Only lines holding "Tessellation" are wanted; copy each of them from the records below.

Start of Data provided

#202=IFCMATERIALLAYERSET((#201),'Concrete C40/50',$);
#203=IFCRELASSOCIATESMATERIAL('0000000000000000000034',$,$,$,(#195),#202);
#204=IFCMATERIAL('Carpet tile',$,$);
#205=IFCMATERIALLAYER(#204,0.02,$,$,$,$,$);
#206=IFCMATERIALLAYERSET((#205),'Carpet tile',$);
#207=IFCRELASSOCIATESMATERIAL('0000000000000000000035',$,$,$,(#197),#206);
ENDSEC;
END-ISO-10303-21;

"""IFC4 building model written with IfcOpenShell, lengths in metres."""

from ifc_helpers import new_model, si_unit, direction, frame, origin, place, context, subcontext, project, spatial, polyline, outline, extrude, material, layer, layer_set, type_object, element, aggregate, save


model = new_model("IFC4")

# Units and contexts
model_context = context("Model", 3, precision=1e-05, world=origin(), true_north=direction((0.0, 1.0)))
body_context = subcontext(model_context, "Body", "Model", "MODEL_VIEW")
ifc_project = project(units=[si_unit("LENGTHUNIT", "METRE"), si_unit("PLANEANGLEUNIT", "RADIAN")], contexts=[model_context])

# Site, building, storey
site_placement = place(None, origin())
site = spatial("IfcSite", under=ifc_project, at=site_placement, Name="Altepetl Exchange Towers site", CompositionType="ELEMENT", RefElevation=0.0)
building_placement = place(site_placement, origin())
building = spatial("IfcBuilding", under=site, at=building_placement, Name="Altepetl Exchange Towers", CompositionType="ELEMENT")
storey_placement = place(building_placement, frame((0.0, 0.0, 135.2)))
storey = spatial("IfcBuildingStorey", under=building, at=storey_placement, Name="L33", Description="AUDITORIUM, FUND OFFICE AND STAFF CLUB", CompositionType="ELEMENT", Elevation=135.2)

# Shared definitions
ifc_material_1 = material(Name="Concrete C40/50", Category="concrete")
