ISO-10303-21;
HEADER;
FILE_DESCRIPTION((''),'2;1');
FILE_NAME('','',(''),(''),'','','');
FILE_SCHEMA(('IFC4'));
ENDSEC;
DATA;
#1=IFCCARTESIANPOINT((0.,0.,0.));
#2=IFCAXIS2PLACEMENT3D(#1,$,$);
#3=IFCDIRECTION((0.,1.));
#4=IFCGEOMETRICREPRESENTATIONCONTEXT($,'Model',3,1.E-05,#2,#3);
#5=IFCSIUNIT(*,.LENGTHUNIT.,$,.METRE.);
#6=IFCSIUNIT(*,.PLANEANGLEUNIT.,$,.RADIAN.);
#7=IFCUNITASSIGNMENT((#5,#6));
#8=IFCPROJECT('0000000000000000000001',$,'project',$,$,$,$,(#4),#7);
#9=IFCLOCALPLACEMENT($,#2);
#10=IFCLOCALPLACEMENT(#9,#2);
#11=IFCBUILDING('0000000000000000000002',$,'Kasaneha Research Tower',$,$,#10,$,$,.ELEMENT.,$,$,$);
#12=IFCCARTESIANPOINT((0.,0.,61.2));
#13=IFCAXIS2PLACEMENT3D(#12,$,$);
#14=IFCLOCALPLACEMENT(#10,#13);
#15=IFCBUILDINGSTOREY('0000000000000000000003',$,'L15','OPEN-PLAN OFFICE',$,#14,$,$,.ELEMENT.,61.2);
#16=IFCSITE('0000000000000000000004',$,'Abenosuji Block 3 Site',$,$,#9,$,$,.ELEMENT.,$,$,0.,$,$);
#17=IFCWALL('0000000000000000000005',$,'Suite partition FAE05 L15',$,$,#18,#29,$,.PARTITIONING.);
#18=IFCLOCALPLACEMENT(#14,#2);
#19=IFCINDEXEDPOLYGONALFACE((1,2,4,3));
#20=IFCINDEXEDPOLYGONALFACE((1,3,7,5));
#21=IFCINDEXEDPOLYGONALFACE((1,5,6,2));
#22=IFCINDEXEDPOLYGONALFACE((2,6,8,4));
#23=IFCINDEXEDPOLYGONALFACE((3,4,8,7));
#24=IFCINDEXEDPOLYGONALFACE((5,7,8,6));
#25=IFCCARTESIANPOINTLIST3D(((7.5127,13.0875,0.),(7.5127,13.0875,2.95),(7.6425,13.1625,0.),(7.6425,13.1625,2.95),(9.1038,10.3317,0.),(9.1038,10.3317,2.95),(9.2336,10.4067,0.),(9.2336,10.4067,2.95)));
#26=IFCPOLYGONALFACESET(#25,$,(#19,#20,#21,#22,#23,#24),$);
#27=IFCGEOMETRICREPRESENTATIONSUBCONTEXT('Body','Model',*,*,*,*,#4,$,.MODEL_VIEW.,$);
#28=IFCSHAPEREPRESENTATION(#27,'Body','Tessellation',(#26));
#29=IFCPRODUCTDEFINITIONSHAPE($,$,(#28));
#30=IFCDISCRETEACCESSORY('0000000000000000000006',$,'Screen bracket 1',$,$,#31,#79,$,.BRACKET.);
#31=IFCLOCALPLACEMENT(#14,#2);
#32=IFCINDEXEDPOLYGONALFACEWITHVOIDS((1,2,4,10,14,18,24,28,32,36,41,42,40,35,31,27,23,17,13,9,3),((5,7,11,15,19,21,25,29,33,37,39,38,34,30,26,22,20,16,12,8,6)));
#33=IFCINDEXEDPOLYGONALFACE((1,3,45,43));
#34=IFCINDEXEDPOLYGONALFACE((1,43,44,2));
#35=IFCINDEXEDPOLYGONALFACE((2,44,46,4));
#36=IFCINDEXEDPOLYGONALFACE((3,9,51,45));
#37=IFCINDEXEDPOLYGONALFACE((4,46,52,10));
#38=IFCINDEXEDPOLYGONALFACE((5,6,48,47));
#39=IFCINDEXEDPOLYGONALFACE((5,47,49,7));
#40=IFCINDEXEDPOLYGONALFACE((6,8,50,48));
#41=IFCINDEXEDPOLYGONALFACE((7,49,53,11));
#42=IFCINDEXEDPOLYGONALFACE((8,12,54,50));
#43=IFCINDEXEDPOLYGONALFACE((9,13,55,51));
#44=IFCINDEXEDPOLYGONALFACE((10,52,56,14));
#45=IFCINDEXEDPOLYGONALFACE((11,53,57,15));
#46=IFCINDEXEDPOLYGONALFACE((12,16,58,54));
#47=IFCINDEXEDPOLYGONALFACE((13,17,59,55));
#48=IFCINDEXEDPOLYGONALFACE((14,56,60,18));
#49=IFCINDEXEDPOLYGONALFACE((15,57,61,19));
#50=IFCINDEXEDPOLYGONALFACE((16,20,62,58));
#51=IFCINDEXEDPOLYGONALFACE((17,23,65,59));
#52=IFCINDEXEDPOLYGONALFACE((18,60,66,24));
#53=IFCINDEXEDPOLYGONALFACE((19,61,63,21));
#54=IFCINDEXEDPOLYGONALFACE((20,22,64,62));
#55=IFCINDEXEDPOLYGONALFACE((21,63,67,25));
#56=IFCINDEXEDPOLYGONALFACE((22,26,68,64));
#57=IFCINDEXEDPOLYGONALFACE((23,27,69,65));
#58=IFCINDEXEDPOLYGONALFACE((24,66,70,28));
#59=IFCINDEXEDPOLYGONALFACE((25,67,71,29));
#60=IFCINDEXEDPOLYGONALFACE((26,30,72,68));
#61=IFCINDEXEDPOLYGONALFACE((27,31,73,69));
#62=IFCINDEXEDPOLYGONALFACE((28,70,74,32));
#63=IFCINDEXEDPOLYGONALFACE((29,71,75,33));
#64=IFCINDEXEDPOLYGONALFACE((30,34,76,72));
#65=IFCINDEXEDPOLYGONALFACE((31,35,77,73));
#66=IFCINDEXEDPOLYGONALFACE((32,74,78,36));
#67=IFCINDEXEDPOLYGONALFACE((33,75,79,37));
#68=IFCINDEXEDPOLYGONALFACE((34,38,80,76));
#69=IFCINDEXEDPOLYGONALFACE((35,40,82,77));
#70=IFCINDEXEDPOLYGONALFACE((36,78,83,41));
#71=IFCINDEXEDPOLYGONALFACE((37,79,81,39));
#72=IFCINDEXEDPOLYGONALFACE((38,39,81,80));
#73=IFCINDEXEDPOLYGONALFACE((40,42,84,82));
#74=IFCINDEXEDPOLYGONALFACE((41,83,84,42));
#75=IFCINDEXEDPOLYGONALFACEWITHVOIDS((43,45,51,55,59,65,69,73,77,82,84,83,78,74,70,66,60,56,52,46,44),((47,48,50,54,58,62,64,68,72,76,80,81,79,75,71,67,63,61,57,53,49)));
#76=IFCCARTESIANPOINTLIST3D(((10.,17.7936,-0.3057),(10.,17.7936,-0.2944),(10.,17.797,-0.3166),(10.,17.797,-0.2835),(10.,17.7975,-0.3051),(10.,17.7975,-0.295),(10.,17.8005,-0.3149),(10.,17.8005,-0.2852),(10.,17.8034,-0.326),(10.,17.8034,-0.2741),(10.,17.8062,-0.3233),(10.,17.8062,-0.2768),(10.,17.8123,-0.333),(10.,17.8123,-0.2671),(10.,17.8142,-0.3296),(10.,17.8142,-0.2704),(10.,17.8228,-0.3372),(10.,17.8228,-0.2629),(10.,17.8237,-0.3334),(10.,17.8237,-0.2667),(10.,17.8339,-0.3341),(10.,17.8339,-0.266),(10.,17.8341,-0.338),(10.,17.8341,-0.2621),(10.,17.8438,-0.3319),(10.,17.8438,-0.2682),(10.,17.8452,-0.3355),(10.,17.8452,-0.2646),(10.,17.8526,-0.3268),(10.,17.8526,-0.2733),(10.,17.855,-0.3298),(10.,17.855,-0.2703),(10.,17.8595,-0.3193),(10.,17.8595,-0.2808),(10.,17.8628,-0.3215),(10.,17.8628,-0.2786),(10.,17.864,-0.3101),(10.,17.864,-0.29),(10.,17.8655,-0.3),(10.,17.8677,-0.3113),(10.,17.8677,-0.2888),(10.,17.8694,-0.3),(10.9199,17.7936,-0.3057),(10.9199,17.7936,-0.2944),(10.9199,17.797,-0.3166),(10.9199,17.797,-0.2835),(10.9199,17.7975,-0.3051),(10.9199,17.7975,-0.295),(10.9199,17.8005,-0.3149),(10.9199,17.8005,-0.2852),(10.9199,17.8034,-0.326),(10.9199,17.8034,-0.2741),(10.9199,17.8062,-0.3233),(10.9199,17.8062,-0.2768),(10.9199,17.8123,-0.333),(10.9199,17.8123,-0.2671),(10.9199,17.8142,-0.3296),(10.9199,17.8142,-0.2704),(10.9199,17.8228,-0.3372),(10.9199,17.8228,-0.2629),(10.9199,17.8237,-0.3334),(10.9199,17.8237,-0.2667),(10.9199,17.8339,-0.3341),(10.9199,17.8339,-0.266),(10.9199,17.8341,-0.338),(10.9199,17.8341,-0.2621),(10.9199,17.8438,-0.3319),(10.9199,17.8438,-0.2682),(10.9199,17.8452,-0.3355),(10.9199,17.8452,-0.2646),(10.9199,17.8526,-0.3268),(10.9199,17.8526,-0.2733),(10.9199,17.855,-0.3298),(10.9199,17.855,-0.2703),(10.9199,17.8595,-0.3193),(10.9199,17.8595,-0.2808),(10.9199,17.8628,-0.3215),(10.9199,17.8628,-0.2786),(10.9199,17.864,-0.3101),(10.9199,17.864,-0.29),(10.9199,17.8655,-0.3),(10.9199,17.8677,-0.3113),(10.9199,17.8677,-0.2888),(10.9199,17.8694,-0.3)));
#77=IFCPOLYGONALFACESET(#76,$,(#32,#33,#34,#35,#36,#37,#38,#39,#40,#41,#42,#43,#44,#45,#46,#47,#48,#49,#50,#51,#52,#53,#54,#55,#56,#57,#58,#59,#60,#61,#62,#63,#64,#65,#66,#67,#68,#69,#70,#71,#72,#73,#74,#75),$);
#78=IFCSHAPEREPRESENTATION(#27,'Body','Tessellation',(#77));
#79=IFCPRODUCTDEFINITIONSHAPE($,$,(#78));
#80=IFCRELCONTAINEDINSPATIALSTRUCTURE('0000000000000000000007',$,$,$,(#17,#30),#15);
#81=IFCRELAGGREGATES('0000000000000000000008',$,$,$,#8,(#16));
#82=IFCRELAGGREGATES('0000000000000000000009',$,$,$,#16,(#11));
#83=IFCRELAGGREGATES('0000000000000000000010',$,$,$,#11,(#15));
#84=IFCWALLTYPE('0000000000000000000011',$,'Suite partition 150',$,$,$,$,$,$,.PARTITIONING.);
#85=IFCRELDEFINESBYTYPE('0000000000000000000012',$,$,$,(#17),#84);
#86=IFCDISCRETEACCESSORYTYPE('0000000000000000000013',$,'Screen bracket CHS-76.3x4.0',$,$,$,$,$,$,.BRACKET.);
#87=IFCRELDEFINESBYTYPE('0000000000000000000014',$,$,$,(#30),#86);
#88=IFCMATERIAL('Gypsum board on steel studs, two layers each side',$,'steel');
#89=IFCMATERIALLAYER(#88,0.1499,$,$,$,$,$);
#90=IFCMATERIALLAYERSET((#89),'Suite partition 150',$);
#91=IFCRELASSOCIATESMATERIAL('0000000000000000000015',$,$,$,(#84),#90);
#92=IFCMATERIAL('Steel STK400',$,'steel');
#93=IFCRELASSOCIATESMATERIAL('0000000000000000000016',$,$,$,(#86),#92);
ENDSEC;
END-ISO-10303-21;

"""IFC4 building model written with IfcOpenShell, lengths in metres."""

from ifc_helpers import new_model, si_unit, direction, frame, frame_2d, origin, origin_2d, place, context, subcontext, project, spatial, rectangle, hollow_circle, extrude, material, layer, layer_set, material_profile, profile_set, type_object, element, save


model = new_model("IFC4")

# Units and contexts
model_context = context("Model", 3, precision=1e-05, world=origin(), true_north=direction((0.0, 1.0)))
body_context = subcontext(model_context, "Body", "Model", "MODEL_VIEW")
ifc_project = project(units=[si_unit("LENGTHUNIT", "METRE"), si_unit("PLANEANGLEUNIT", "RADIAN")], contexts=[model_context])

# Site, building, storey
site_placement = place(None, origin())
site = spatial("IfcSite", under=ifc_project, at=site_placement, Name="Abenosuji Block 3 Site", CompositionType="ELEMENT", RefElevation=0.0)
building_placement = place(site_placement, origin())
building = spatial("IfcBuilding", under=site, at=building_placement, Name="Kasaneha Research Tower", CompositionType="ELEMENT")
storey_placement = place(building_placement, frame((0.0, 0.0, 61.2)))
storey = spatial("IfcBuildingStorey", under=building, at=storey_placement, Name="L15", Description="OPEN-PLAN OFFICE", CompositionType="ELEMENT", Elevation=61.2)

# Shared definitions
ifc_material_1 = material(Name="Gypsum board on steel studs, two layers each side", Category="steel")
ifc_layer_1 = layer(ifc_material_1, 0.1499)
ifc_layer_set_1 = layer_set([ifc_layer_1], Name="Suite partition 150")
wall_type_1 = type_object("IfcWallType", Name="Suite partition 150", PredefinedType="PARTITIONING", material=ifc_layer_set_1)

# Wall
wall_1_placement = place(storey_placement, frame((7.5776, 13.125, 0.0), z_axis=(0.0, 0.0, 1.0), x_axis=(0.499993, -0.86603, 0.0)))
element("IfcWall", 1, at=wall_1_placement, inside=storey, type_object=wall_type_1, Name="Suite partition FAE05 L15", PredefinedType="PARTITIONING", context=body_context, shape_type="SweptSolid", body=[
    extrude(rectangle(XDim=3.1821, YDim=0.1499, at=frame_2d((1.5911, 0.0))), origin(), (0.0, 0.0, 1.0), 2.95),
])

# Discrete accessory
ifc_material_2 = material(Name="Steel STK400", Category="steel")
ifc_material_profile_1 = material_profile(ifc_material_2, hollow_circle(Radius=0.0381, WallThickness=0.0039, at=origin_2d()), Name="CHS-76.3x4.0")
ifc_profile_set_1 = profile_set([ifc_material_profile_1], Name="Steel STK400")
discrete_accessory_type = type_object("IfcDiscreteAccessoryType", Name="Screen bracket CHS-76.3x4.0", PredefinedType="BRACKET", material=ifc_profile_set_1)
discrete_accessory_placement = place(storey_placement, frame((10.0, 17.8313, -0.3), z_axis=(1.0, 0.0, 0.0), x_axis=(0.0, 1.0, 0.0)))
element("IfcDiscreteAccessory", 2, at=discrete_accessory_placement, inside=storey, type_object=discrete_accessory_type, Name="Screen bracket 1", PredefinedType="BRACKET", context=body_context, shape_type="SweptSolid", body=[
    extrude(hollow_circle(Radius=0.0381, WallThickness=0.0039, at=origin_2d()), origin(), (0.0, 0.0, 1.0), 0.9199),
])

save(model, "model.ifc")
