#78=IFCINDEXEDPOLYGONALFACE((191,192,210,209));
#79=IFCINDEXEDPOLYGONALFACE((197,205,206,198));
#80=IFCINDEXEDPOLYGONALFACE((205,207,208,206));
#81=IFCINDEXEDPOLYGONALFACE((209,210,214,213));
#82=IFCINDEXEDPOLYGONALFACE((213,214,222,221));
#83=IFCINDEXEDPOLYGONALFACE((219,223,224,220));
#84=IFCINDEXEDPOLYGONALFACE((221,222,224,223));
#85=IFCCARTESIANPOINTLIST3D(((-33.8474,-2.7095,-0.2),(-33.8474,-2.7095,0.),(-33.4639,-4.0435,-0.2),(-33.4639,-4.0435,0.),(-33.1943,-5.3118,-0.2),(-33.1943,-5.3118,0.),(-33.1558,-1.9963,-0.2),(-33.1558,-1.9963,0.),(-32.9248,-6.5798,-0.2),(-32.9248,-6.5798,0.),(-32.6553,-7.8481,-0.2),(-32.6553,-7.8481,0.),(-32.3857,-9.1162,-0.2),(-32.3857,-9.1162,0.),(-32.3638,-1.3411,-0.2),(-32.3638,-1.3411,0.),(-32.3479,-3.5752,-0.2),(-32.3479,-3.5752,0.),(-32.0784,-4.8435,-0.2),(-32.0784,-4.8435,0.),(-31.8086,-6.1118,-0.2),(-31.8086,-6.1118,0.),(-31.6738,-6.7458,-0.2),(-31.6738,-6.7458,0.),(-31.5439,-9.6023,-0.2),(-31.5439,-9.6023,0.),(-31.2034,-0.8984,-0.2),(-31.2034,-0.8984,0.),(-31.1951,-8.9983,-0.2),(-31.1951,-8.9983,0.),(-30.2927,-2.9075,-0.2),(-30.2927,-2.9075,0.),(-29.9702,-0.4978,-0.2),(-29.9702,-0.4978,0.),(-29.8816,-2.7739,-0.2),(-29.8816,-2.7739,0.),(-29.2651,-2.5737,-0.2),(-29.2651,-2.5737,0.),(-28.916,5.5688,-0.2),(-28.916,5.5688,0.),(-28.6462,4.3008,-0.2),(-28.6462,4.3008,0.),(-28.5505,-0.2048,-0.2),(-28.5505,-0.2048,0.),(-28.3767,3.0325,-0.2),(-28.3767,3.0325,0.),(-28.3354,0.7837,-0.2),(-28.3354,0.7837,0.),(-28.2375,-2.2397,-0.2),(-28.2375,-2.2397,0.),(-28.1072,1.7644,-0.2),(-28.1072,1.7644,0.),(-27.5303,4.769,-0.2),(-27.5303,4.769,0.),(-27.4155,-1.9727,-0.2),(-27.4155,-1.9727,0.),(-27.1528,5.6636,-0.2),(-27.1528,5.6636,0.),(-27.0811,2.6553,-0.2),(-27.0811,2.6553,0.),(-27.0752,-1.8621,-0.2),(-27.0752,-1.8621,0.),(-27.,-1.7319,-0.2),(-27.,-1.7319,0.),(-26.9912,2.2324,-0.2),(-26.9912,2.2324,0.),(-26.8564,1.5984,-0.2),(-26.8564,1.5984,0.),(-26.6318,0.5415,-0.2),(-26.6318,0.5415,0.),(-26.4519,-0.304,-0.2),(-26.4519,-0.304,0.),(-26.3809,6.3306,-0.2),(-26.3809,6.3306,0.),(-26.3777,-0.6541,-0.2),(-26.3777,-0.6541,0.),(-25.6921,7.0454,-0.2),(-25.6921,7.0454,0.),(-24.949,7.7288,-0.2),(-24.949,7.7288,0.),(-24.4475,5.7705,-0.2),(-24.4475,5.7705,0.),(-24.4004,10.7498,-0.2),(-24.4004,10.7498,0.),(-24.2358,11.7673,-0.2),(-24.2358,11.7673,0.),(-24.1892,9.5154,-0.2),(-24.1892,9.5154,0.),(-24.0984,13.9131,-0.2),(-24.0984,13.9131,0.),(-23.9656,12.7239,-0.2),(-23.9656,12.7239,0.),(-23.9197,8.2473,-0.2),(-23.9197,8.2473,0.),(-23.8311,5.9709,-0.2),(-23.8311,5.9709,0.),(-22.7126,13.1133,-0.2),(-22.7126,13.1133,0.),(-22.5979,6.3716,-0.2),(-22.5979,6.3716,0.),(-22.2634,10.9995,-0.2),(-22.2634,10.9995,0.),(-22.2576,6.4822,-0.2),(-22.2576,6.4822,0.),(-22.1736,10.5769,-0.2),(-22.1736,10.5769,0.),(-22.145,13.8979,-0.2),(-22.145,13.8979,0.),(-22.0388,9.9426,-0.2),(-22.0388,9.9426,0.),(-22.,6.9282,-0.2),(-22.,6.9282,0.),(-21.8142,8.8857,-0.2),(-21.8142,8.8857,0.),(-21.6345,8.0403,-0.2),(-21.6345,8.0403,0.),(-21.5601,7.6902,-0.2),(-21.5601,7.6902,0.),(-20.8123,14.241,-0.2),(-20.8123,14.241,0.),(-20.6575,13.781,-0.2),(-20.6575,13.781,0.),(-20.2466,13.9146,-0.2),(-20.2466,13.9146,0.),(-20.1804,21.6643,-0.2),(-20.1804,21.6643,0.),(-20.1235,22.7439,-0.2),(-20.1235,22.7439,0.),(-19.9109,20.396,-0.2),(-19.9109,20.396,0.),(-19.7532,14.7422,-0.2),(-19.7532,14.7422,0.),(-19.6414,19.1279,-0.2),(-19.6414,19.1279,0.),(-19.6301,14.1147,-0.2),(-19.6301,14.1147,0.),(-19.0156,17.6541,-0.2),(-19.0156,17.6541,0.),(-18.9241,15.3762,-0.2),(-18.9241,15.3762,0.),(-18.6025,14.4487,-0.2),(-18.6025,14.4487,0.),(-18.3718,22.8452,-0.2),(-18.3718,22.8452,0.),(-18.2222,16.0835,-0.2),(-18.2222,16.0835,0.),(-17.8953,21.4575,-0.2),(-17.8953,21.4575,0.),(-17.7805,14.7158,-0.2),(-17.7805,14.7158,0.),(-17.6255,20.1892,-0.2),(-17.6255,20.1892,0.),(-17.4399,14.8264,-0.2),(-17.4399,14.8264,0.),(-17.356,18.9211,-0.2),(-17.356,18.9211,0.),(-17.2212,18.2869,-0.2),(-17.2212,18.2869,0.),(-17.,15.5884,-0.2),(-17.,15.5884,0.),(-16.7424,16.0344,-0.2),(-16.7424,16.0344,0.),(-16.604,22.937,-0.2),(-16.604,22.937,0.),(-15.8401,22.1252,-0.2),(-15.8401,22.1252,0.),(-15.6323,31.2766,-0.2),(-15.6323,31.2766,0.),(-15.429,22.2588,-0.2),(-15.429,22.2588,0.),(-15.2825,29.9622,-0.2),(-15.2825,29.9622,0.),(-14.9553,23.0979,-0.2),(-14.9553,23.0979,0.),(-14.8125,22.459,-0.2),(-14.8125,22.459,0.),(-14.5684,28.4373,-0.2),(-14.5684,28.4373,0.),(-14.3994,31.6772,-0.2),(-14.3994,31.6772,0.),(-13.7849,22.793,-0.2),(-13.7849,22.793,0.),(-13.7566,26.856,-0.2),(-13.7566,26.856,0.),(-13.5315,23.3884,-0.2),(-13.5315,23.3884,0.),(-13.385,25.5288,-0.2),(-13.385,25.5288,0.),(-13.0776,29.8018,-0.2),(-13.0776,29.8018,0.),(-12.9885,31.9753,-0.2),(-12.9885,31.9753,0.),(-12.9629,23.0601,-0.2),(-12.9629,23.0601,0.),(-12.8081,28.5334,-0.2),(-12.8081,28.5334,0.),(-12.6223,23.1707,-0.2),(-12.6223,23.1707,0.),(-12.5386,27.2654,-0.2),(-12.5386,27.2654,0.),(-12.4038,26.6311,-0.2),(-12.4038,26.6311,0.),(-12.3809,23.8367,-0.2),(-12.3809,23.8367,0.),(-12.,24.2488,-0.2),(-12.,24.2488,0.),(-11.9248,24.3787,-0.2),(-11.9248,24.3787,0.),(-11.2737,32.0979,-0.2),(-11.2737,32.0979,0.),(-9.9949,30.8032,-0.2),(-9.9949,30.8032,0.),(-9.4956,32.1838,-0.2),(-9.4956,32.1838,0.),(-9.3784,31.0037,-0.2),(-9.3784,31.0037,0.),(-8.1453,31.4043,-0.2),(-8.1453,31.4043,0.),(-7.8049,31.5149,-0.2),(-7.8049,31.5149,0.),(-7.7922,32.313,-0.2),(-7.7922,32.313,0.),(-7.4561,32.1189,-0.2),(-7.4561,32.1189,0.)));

End of Data provided

Exercise solution:
#28=IFCSHAPEREPRESENTATION(#27,'Body','Tessellation',(#26));
#78=IFCSHAPEREPRESENTATION(#27,'Body','Tessellation',(#77));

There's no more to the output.